• _WHAT THIS TASK INVOLVES_: From the line below that contains "#61=IFCINDEXEDPOLYGONALFACE((5,7,8,6));" to the line that contains "#81=IFCRELAGGREGATES('0000000000000000000011',$,$,$,#11,(#15));", repeat every line exactly, both ends included, and nothing else.

• _DATA FOR THIS EXERCISE_:

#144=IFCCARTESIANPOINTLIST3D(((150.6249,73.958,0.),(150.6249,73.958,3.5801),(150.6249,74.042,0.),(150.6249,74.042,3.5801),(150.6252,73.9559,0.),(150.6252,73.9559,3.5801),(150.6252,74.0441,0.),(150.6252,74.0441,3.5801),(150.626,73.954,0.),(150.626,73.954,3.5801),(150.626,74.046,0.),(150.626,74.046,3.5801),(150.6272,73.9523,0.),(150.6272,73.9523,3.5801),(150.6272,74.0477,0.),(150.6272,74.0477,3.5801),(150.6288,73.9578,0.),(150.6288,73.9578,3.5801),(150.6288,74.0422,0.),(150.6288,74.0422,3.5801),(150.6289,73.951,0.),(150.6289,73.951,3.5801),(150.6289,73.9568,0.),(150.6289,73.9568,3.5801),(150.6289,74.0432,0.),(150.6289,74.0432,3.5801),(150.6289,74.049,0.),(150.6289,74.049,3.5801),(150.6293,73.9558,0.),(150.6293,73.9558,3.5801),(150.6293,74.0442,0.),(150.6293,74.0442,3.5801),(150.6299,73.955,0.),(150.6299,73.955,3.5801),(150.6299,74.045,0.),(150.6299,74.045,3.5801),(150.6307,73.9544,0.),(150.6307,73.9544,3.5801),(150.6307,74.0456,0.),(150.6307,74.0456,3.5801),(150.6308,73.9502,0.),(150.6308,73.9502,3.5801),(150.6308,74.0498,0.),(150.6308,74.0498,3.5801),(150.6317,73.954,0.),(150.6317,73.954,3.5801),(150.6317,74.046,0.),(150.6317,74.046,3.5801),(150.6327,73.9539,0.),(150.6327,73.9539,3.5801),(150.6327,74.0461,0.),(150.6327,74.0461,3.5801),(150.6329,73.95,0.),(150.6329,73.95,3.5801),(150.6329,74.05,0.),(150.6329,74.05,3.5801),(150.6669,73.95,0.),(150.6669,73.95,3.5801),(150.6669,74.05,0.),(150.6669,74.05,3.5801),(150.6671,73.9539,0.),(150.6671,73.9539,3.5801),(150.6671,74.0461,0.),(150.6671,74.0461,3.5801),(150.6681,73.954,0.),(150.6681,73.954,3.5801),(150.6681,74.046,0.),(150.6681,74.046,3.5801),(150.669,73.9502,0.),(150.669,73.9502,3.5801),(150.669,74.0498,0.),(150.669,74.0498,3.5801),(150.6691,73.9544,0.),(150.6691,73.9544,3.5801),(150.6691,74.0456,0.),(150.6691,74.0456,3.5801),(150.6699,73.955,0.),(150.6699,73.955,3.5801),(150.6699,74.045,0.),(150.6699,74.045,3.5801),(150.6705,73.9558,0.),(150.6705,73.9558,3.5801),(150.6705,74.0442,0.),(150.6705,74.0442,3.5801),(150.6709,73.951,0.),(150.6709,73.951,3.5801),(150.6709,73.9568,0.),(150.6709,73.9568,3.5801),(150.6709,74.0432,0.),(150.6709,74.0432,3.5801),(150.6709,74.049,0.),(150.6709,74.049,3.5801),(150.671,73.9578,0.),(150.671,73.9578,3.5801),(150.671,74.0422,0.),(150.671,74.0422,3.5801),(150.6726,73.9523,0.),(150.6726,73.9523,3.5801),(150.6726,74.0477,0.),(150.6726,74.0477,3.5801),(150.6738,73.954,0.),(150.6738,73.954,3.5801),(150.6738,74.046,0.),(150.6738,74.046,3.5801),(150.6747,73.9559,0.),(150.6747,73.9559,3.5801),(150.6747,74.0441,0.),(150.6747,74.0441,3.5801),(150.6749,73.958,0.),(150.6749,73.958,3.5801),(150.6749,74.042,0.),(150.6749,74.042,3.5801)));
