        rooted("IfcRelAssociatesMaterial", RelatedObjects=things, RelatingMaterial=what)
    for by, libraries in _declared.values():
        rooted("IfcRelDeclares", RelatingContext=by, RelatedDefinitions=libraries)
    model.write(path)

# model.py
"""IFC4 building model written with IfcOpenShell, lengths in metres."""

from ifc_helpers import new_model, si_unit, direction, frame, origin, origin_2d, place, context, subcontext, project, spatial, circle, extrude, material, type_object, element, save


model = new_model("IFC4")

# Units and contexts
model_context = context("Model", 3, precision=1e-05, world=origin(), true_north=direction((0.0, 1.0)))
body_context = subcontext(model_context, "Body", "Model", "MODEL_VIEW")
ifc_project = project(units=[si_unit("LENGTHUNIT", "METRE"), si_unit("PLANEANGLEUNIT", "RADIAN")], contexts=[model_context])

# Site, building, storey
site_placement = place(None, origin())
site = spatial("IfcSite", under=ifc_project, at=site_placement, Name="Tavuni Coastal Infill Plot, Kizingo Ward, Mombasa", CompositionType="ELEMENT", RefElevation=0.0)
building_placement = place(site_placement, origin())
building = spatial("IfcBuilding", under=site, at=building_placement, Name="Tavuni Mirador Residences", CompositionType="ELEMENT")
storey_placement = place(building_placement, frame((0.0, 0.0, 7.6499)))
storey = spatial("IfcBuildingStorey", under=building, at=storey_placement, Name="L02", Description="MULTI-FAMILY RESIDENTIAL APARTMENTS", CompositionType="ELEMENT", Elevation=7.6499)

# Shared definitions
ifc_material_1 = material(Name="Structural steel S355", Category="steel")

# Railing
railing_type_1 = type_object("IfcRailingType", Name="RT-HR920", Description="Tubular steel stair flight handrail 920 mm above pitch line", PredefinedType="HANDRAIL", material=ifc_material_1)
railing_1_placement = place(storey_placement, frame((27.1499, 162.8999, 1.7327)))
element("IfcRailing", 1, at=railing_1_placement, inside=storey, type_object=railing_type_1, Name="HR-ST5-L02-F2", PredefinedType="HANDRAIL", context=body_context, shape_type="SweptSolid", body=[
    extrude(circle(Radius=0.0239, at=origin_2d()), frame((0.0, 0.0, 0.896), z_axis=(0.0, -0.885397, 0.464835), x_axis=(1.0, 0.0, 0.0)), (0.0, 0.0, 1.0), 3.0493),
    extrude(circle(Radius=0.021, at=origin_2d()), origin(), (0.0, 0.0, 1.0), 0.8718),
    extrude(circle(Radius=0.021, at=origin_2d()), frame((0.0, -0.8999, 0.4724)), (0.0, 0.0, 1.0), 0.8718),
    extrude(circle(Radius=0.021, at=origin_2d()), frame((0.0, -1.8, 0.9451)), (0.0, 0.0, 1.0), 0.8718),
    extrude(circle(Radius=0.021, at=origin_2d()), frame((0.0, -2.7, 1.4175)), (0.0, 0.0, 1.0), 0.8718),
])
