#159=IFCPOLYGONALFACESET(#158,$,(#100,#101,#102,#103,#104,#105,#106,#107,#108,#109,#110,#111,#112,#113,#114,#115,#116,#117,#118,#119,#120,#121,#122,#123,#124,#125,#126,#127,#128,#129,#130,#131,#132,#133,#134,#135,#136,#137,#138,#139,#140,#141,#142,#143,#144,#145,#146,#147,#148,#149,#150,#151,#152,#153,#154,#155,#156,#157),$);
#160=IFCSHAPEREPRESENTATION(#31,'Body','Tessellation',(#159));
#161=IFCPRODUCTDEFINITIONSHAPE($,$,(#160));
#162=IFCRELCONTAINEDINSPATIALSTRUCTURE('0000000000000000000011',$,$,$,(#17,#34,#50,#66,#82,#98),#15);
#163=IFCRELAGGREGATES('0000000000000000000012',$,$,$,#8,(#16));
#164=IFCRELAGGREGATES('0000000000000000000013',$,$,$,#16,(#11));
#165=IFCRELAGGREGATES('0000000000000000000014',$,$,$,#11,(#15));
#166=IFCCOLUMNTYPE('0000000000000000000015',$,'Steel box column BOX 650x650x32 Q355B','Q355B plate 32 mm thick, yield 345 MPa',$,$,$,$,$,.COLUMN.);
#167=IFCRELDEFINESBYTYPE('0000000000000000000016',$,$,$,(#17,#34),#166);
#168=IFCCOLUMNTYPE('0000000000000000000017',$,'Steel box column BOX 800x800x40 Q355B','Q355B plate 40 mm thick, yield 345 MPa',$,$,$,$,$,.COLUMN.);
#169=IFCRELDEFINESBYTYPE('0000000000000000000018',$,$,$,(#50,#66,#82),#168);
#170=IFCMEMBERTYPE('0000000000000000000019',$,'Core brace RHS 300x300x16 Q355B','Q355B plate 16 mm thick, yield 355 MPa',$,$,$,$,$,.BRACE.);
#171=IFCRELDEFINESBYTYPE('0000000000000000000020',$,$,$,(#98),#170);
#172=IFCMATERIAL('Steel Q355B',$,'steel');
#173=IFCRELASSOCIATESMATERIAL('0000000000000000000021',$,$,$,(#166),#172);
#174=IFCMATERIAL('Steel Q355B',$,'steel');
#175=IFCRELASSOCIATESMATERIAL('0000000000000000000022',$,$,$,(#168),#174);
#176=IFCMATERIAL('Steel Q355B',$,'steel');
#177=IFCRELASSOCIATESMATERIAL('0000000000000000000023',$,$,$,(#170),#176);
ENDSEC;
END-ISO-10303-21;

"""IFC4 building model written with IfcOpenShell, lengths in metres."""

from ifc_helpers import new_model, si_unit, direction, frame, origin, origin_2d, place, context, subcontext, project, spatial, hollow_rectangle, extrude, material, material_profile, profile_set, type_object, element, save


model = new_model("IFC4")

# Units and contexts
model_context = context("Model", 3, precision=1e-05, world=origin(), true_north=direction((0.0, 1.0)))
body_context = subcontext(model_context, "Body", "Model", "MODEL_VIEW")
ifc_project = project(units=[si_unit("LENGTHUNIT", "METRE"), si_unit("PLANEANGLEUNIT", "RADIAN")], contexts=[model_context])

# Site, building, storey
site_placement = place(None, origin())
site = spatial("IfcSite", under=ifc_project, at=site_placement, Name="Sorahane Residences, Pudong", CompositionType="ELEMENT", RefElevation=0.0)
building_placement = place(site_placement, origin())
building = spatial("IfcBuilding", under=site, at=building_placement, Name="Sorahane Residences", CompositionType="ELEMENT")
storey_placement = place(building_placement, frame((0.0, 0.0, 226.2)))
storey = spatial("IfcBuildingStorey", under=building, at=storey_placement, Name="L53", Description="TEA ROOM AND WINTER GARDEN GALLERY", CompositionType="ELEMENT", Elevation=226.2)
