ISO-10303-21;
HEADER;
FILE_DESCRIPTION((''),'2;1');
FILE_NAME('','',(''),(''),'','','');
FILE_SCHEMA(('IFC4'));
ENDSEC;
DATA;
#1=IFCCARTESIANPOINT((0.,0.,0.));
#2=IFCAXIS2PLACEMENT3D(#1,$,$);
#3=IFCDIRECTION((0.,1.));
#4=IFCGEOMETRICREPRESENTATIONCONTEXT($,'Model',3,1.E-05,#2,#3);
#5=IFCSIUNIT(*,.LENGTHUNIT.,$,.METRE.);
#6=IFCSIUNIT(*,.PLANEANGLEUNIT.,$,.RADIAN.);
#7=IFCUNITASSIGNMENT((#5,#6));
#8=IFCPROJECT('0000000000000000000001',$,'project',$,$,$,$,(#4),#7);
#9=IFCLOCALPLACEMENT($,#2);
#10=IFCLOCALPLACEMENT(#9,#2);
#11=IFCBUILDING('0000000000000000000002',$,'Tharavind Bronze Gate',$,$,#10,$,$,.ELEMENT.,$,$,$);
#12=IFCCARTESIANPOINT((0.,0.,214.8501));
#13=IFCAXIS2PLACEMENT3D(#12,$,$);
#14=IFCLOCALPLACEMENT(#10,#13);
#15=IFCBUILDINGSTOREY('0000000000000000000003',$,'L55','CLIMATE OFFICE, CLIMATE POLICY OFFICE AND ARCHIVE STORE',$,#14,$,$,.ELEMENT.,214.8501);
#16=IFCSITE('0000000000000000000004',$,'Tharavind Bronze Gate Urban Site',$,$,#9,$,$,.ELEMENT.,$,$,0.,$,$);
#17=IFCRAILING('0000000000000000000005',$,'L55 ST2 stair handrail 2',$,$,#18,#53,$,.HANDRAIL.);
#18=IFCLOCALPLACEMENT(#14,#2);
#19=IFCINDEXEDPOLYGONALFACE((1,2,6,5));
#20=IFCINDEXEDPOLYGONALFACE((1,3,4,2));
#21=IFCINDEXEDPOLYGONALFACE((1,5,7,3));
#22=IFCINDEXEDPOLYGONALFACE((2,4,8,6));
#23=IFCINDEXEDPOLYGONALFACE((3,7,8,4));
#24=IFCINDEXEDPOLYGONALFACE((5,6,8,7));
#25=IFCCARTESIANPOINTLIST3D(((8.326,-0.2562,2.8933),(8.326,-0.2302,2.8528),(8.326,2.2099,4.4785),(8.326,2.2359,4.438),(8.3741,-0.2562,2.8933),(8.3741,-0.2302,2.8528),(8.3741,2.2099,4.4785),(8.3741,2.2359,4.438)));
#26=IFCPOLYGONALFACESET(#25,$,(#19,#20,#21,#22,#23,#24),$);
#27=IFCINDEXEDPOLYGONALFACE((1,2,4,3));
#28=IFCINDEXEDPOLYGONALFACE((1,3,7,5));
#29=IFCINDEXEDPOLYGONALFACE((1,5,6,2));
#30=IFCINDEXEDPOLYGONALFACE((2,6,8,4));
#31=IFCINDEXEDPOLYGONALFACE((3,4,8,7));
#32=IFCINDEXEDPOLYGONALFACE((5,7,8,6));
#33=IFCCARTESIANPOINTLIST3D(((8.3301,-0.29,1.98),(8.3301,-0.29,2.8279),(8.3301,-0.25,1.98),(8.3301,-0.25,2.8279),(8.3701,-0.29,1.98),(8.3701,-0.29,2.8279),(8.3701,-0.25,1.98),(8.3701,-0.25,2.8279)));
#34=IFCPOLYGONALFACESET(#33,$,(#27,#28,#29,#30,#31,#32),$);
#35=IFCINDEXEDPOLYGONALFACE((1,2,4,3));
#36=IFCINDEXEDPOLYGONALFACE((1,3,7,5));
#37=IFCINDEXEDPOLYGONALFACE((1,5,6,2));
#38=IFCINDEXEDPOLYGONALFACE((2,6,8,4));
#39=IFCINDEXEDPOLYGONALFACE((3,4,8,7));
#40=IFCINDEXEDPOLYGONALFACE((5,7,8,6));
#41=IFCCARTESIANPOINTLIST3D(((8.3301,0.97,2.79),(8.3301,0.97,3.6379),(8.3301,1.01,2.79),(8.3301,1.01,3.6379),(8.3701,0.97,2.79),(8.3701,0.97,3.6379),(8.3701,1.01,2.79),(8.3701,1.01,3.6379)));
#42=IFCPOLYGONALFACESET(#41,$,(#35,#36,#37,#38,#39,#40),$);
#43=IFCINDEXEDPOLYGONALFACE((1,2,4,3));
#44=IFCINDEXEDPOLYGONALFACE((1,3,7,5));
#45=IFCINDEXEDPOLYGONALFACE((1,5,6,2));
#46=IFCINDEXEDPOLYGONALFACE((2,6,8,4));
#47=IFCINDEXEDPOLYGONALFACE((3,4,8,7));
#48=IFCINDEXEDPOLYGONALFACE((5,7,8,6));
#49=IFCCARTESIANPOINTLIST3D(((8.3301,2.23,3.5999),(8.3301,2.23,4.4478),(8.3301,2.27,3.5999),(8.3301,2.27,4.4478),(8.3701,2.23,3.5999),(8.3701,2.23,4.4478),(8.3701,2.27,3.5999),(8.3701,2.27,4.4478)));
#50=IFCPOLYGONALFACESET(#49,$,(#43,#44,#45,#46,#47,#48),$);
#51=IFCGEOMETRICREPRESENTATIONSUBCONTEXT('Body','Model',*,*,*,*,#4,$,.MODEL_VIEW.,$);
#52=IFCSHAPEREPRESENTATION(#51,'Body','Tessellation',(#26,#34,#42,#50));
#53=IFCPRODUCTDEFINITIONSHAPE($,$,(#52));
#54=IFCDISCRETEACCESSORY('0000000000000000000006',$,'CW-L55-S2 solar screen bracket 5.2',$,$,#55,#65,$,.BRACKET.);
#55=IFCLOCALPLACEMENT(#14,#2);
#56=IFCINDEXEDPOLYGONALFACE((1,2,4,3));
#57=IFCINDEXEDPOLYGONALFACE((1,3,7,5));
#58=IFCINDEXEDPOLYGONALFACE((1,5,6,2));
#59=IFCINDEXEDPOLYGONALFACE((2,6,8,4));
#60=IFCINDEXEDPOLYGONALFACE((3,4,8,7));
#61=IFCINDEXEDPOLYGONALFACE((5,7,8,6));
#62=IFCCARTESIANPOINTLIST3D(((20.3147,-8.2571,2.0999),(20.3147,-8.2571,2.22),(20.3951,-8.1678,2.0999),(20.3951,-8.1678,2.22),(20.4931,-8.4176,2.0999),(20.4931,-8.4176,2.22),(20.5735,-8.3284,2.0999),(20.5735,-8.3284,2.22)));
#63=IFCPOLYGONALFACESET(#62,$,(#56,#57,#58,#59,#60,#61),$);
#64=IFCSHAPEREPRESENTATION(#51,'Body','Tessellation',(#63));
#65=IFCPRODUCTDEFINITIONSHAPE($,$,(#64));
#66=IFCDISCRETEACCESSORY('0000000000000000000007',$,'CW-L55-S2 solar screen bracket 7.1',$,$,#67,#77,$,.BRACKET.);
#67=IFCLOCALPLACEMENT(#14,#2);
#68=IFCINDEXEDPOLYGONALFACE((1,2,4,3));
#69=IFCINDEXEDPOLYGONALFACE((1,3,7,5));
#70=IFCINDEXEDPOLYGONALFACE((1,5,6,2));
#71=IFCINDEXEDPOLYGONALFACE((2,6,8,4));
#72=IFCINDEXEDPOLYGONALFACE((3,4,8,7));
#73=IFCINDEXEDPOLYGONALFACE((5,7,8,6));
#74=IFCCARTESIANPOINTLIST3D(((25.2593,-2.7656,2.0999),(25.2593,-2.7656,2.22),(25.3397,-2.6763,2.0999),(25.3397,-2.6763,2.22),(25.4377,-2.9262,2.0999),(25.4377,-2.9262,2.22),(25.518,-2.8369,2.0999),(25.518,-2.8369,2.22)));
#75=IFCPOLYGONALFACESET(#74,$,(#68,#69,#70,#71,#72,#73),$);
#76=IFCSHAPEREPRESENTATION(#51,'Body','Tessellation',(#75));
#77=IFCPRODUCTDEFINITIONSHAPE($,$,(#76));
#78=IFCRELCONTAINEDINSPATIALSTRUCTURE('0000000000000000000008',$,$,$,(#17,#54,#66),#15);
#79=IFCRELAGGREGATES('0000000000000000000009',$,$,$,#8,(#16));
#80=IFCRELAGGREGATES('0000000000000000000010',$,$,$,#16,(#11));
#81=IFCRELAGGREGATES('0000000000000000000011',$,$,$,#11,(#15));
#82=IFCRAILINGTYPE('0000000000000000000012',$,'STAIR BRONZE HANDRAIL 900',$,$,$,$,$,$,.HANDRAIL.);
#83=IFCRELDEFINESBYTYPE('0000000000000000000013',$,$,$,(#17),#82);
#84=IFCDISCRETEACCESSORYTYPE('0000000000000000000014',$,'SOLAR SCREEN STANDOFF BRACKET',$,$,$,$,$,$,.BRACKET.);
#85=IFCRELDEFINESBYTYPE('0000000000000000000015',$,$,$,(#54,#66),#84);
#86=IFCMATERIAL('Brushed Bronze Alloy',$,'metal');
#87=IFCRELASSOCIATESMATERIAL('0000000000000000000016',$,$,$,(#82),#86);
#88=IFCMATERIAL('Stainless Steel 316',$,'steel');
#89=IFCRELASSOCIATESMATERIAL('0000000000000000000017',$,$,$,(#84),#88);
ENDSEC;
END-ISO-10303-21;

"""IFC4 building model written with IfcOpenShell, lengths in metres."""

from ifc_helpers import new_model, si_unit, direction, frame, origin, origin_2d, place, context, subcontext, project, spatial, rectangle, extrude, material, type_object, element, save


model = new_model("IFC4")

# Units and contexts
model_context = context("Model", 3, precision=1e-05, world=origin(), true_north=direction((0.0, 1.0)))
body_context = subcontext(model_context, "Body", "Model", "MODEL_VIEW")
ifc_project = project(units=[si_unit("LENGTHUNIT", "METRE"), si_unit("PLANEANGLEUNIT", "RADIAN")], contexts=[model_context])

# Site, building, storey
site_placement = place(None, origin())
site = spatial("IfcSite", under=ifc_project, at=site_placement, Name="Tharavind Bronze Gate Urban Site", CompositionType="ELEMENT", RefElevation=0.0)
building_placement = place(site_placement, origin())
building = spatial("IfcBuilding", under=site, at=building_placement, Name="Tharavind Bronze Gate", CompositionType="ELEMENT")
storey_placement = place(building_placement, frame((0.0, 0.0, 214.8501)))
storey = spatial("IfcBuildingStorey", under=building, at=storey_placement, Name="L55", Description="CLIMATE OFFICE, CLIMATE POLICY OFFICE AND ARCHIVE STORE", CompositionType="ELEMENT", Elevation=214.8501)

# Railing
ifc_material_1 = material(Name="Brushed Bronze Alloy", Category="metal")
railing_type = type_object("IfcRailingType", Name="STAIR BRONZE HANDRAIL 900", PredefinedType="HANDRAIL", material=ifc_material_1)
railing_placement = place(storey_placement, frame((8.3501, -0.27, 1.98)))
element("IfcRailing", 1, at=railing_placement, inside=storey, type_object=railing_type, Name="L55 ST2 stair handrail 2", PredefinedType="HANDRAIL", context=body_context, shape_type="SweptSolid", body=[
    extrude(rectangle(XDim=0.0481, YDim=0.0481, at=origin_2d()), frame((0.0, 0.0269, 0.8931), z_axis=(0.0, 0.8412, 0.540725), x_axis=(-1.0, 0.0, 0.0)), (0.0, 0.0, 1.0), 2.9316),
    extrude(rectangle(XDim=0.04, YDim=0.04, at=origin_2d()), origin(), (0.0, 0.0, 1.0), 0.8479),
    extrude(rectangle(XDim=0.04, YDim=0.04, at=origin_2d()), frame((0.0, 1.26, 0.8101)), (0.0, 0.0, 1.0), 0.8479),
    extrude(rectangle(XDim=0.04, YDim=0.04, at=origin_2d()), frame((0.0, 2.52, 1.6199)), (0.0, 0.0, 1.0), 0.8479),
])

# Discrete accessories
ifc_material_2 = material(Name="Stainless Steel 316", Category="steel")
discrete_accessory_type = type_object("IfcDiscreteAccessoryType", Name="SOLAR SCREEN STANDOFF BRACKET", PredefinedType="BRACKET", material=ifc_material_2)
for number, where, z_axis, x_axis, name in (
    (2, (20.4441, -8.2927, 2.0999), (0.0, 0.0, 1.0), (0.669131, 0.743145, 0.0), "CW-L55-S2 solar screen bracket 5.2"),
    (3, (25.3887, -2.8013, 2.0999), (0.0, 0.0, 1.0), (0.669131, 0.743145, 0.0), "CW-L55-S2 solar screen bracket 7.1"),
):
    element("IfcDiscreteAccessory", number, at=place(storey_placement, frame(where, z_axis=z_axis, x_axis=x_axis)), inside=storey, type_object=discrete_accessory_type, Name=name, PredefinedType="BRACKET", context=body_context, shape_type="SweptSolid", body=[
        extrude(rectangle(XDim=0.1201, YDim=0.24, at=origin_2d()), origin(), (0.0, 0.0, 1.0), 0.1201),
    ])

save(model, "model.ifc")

• _RESPONSE BOX_:
#61=IFCINDEXEDPOLYGONALFACE((5,7,8,6));
#62=IFCCARTESIANPOINTLIST3D(((20.3147,-8.2571,2.0999),(20.3147,-8.2571,2.22),(20.3951,-8.1678,2.0999),(20.3951,-8.1678,2.22),(20.4931,-8.4176,2.0999),(20.4931,-8.4176,2.22),(20.5735,-8.3284,2.0999),(20.5735,-8.3284,2.22)));
#63=IFCPOLYGONALFACESET(#62,$,(#56,#57,#58,#59,#60,#61),$);
#64=IFCSHAPEREPRESENTATION(#51,'Body','Tessellation',(#63));
#65=IFCPRODUCTDEFINITIONSHAPE($,$,(#64));
#66=IFCDISCRETEACCESSORY('0000000000000000000007',$,'CW-L55-S2 solar screen bracket 7.1',$,$,#67,#77,$,.BRACKET.);
#67=IFCLOCALPLACEMENT(#14,#2);
#68=IFCINDEXEDPOLYGONALFACE((1,2,4,3));
#69=IFCINDEXEDPOLYGONALFACE((1,3,7,5));
#70=IFCINDEXEDPOLYGONALFACE((1,5,6,2));
#71=IFCINDEXEDPOLYGONALFACE((2,6,8,4));
#72=IFCINDEXEDPOLYGONALFACE((3,4,8,7));
#73=IFCINDEXEDPOLYGONALFACE((5,7,8,6));
#74=IFCCARTESIANPOINTLIST3D(((25.2593,-2.7656,2.0999),(25.2593,-2.7656,2.22),(25.3397,-2.6763,2.0999),(25.3397,-2.6763,2.22),(25.4377,-2.9262,2.0999),(25.4377,-2.9262,2.22),(25.518,-2.8369,2.0999),(25.518,-2.8369,2.22)));
#75=IFCPOLYGONALFACESET(#74,$,(#68,#69,#70,#71,#72,#73),$);
#76=IFCSHAPEREPRESENTATION(#51,'Body','Tessellation',(#75));
#77=IFCPRODUCTDEFINITIONSHAPE($,$,(#76));
#78=IFCRELCONTAINEDINSPATIALSTRUCTURE('0000000000000000000008',$,$,$,(#17,#54,#66),#15);
#79=IFCRELAGGREGATES('0000000000000000000009',$,$,$,#8,(#16));
#80=IFCRELAGGREGATES('0000000000000000000010',$,$,$,#16,(#11));
#81=IFCRELAGGREGATES('0000000000000000000011',$,$,$,#11,(#15));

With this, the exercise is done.